## Exercise aim
Please print each record that follows precisely as it appears.

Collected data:
━━━━━━━━━━━━━━━━━━━━

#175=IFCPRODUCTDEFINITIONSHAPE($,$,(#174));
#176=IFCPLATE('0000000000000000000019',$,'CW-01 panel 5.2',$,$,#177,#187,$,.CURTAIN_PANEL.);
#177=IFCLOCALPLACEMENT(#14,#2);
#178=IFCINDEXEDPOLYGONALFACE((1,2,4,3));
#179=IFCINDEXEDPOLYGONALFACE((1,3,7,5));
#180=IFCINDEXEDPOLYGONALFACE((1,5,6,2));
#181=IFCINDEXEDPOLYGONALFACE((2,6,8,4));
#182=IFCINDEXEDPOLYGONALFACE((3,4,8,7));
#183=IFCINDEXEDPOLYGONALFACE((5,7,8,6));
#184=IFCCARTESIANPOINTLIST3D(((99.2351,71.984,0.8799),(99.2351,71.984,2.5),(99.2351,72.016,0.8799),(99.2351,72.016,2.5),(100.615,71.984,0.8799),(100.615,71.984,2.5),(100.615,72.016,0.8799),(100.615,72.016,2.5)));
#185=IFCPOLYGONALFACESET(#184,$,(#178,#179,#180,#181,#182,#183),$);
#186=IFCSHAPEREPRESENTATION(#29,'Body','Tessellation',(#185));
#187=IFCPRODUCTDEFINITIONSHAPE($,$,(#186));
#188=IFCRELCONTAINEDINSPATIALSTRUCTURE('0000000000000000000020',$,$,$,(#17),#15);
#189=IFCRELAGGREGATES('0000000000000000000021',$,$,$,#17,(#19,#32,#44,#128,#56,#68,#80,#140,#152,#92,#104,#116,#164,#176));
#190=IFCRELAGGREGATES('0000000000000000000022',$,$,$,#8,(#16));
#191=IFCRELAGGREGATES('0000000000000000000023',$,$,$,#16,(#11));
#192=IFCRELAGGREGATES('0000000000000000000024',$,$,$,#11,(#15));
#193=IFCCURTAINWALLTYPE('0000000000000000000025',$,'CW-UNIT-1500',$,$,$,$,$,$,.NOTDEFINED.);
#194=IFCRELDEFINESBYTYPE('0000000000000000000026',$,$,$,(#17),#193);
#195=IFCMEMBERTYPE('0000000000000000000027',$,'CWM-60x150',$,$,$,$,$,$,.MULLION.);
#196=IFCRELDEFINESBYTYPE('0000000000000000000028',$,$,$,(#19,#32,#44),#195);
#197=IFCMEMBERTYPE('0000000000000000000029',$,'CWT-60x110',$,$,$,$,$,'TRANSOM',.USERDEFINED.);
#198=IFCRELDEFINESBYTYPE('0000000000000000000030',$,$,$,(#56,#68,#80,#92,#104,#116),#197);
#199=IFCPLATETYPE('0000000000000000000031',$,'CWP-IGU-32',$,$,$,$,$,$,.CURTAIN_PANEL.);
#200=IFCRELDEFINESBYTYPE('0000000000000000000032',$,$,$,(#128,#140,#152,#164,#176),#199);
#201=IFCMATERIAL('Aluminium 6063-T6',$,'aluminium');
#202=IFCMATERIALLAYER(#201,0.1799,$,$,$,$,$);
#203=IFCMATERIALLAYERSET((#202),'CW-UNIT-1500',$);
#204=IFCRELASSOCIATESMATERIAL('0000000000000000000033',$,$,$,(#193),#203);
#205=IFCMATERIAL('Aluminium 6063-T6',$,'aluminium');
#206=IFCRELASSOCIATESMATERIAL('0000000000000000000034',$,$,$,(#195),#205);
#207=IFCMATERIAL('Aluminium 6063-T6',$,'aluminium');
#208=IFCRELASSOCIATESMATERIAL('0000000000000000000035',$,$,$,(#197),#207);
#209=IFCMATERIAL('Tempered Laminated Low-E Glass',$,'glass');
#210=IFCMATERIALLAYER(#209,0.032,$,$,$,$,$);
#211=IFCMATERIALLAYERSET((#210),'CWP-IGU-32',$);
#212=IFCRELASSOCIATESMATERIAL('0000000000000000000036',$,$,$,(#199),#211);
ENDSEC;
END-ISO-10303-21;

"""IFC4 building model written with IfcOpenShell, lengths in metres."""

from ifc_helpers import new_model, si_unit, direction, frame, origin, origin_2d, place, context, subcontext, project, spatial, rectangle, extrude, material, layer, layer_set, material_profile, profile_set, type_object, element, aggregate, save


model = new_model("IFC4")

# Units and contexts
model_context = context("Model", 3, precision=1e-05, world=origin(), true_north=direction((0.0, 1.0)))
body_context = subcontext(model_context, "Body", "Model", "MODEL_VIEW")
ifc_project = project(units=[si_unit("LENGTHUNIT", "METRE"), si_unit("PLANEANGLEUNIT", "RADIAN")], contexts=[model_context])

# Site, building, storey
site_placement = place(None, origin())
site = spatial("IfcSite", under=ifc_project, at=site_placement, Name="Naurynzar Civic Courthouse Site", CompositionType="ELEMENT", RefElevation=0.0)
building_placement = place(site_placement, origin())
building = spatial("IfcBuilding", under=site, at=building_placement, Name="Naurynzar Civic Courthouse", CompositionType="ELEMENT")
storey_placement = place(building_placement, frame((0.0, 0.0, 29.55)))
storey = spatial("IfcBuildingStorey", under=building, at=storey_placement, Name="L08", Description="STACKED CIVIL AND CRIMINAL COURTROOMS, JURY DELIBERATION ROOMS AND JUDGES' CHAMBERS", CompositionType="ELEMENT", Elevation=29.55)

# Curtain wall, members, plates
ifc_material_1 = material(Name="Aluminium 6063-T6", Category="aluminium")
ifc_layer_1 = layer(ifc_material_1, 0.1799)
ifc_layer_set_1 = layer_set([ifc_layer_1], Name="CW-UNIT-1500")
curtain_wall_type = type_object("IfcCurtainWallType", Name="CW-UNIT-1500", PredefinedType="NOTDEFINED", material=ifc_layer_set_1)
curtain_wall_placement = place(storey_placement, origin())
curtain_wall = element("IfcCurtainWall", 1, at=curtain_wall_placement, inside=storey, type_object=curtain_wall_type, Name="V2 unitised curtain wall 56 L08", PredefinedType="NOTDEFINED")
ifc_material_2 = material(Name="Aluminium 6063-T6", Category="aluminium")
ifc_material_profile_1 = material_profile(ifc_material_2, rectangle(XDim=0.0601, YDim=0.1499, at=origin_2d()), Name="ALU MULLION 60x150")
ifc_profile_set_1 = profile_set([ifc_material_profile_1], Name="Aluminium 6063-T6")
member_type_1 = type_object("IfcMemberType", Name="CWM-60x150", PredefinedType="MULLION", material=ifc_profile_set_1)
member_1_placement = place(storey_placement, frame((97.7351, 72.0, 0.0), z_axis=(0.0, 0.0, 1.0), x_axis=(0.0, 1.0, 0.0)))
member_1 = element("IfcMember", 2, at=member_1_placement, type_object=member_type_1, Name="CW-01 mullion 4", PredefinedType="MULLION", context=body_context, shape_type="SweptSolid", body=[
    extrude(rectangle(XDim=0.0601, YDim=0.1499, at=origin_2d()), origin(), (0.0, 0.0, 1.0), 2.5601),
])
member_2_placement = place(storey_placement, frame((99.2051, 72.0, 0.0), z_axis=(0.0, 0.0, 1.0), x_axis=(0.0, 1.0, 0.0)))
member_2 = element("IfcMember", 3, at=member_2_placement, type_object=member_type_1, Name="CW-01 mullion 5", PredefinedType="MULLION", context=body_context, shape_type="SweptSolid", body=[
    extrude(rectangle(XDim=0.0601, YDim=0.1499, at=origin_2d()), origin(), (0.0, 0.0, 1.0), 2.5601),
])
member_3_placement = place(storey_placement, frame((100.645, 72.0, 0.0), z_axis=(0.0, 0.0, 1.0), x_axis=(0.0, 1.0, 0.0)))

━━━━━━━━━━━━━━━━━━━━

## Problem solution
#175=IFCPRODUCTDEFINITIONSHAPE($,$,(#174));
#176=IFCPLATE('0000000000000000000019',$,'CW-01 panel 5.2',$,$,#177,#187,$,.CURTAIN_PANEL.);
#177=IFCLOCALPLACEMENT(#14,#2);
#178=IFCINDEXEDPOLYGONALFACE((1,2,4,3));
#179=IFCINDEXEDPOLYGONALFACE((1,3,7,5));
#180=IFCINDEXEDPOLYGONALFACE((1,5,6,2));
#181=IFCINDEXEDPOLYGONALFACE((2,6,8,4));
#182=IFCINDEXEDPOLYGONALFACE((3,4,8,7));
#183=IFCINDEXEDPOLYGONALFACE((5,7,8,6));
#184=IFCCARTESIANPOINTLIST3D(((99.2351,71.984,0.8799),(99.2351,71.984,2.5),(99.2351,72.016,0.8799),(99.2351,72.016,2.5),(100.615,71.984,0.8799),(100.615,71.984,2.5),(100.615,72.016,0.8799),(100.615,72.016,2.5)));
#185=IFCPOLYGONALFACESET(#184,$,(#178,#179,#180,#181,#182,#183),$);
#186=IFCSHAPEREPRESENTATION(#29,'Body','Tessellation',(#185));
#187=IFCPRODUCTDEFINITIONSHAPE($,$,(#186));
#188=IFCRELCONTAINEDINSPATIALSTRUCTURE('0000000000000000000020',$,$,$,(#17),#15);
#189=IFCRELAGGREGATES('0000000000000000000021',$,$,$,#17,(#19,#32,#44,#128,#56,#68,#80,#140,#152,#92,#104,#116,#164,#176));
#190=IFCRELAGGREGATES('0000000000000000000022',$,$,$,#8,(#16));
#191=IFCRELAGGREGATES('0000000000000000000023',$,$,$,#16,(#11));
#192=IFCRELAGGREGATES('0000000000000000000024',$,$,$,#11,(#15));
#193=IFCCURTAINWALLTYPE('0000000000000000000025',$,'CW-UNIT-1500',$,$,$,$,$,$,.NOTDEFINED.);
#194=IFCRELDEFINESBYTYPE('0000000000000000000026',$,$,$,(#17),#193);
#195=IFCMEMBERTYPE('0000000000000000000027',$,'CWM-60x150',$,$,$,$,$,$,.MULLION.);
#196=IFCRELDEFINESBYTYPE('0000000000000000000028',$,$,$,(#19,#32,#44),#195);
#197=IFCMEMBERTYPE('0000000000000000000029',$,'CWT-60x110',$,$,$,$,$,'TRANSOM',.USERDEFINED.);
#198=IFCRELDEFINESBYTYPE('0000000000000000000030',$,$,$,(#56,#68,#80,#92,#104,#116),#197);
#199=IFCPLATETYPE('0000000000000000000031',$,'CWP-IGU-32',$,$,$,$,$,$,.CURTAIN_PANEL.);
#200=IFCRELDEFINESBYTYPE('0000000000000000000032',$,$,$,(#128,#140,#152,#164,#176),#199);
#201=IFCMATERIAL('Aluminium 6063-T6',$,'aluminium');
#202=IFCMATERIALLAYER(#201,0.1799,$,$,$,$,$);
#203=IFCMATERIALLAYERSET((#202),'CW-UNIT-1500',$);
#204=IFCRELASSOCIATESMATERIAL('0000000000000000000033',$,$,$,(#193),#203);
#205=IFCMATERIAL('Aluminium 6063-T6',$,'aluminium');
#206=IFCRELASSOCIATESMATERIAL('0000000000000000000034',$,$,$,(#195),#205);
#207=IFCMATERIAL('Aluminium 6063-T6',$,'aluminium');
#208=IFCRELASSOCIATESMATERIAL('0000000000000000000035',$,$,$,(#197),#207);
#209=IFCMATERIAL('Tempered Laminated Low-E Glass',$,'glass');
#210=IFCMATERIALLAYER(#209,0.032,$,$,$,$,$);
#211=IFCMATERIALLAYERSET((#210),'CWP-IGU-32',$);
#212=IFCRELASSOCIATESMATERIAL('0000000000000000000036',$,$,$,(#199),#211);
ENDSEC;
END-ISO-10303-21;

"""IFC4 building model written with IfcOpenShell, lengths in metres."""

from ifc_helpers import new_model, si_unit, direction, frame, origin, origin_2d, place, context, subcontext, project, spatial, rectangle, extrude, material, layer, layer_set, material_profile, profile_set, type_object, element, aggregate, save


model = new_model("IFC4")

# Units and contexts
model_context = context("Model", 3, precision=1e-05, world=origin(), true_north=direction((0.0, 1.0)))
body_context = subcontext(model_context, "Body", "Model", "MODEL_VIEW")
ifc_project = project(units=[si_unit("LENGTHUNIT", "METRE"), si_unit("PLANEANGLEUNIT", "RADIAN")], contexts=[model_context])

# Site, building, storey
site_placement = place(None, origin())
site = spatial("IfcSite", under=ifc_project, at=site_placement, Name="Naurynzar Civic Courthouse Site", CompositionType="ELEMENT", RefElevation=0.0)
building_placement = place(site_placement, origin())
building = spatial("IfcBuilding", under=site, at=building_placement, Name="Naurynzar Civic Courthouse", CompositionType="ELEMENT")
storey_placement = place(building_placement, frame((0.0, 0.0, 29.55)))
storey = spatial("IfcBuildingStorey", under=building, at=storey_placement, Name="L08", Description="STACKED CIVIL AND CRIMINAL COURTROOMS, JURY DELIBERATION ROOMS AND JUDGES' CHAMBERS", CompositionType="ELEMENT", Elevation=29.55)

# Curtain wall, members, plates
ifc_material_1 = material(Name="Aluminium 6063-T6", Category="aluminium")
ifc_layer_1 = layer(ifc_material_1, 0.1799)
ifc_layer_set_1 = layer_set([ifc_layer_1], Name="CW-UNIT-1500")
curtain_wall_type = type_object("IfcCurtainWallType", Name="CW-UNIT-1500", PredefinedType="NOTDEFINED", material=ifc_layer_set_1)
curtain_wall_placement = place(storey_placement, origin())
curtain_wall = element("IfcCurtainWall", 1, at=curtain_wall_placement, inside=storey, type_object=curtain_wall_type, Name="V2 unitised curtain wall 56 L08", PredefinedType="NOTDEFINED")
ifc_material_2 = material(Name="Aluminium 6063-T6", Category="aluminium")
ifc_material_profile_1 = material_profile(ifc_material_2, rectangle(XDim=0.0601, YDim=0.1499, at=origin_2d()), Name="ALU MULLION 60x150")
ifc_profile_set_1 = profile_set([ifc_material_profile_1], Name="Aluminium 6063-T6")
member_type_1 = type_object("IfcMemberType", Name="CWM-60x150", PredefinedType="MULLION", material=ifc_profile_set_1)
member_1_placement = place(storey_placement, frame((97.7351, 72.0, 0.0), z_axis=(0.0, 0.0, 1.0), x_axis=(0.0, 1.0, 0.0)))
member_1 = element("IfcMember", 2, at=member_1_placement, type_object=member_type_1, Name="CW-01 mullion 4", PredefinedType="MULLION", context=body_context, shape_type="SweptSolid", body=[
    extrude(rectangle(XDim=0.0601, YDim=0.1499, at=origin_2d()), origin(), (0.0, 0.0, 1.0), 2.5601),
])
member_2_placement = place(storey_placement, frame((99.2051, 72.0, 0.0), z_axis=(0.0, 0.0, 1.0), x_axis=(0.0, 1.0, 0.0)))
member_2 = element("IfcMember", 3, at=member_2_placement, type_object=member_type_1, Name="CW-01 mullion 5", PredefinedType="MULLION", context=body_context, shape_type="SweptSolid", body=[
    extrude(rectangle(XDim=0.0601, YDim=0.1499, at=origin_2d()), origin(), (0.0, 0.0, 1.0), 2.5601),
])
member_3_placement = place(storey_placement, frame((100.645, 72.0, 0.0), z_axis=(0.0, 0.0, 1.0), x_axis=(0.0, 1.0, 0.0)))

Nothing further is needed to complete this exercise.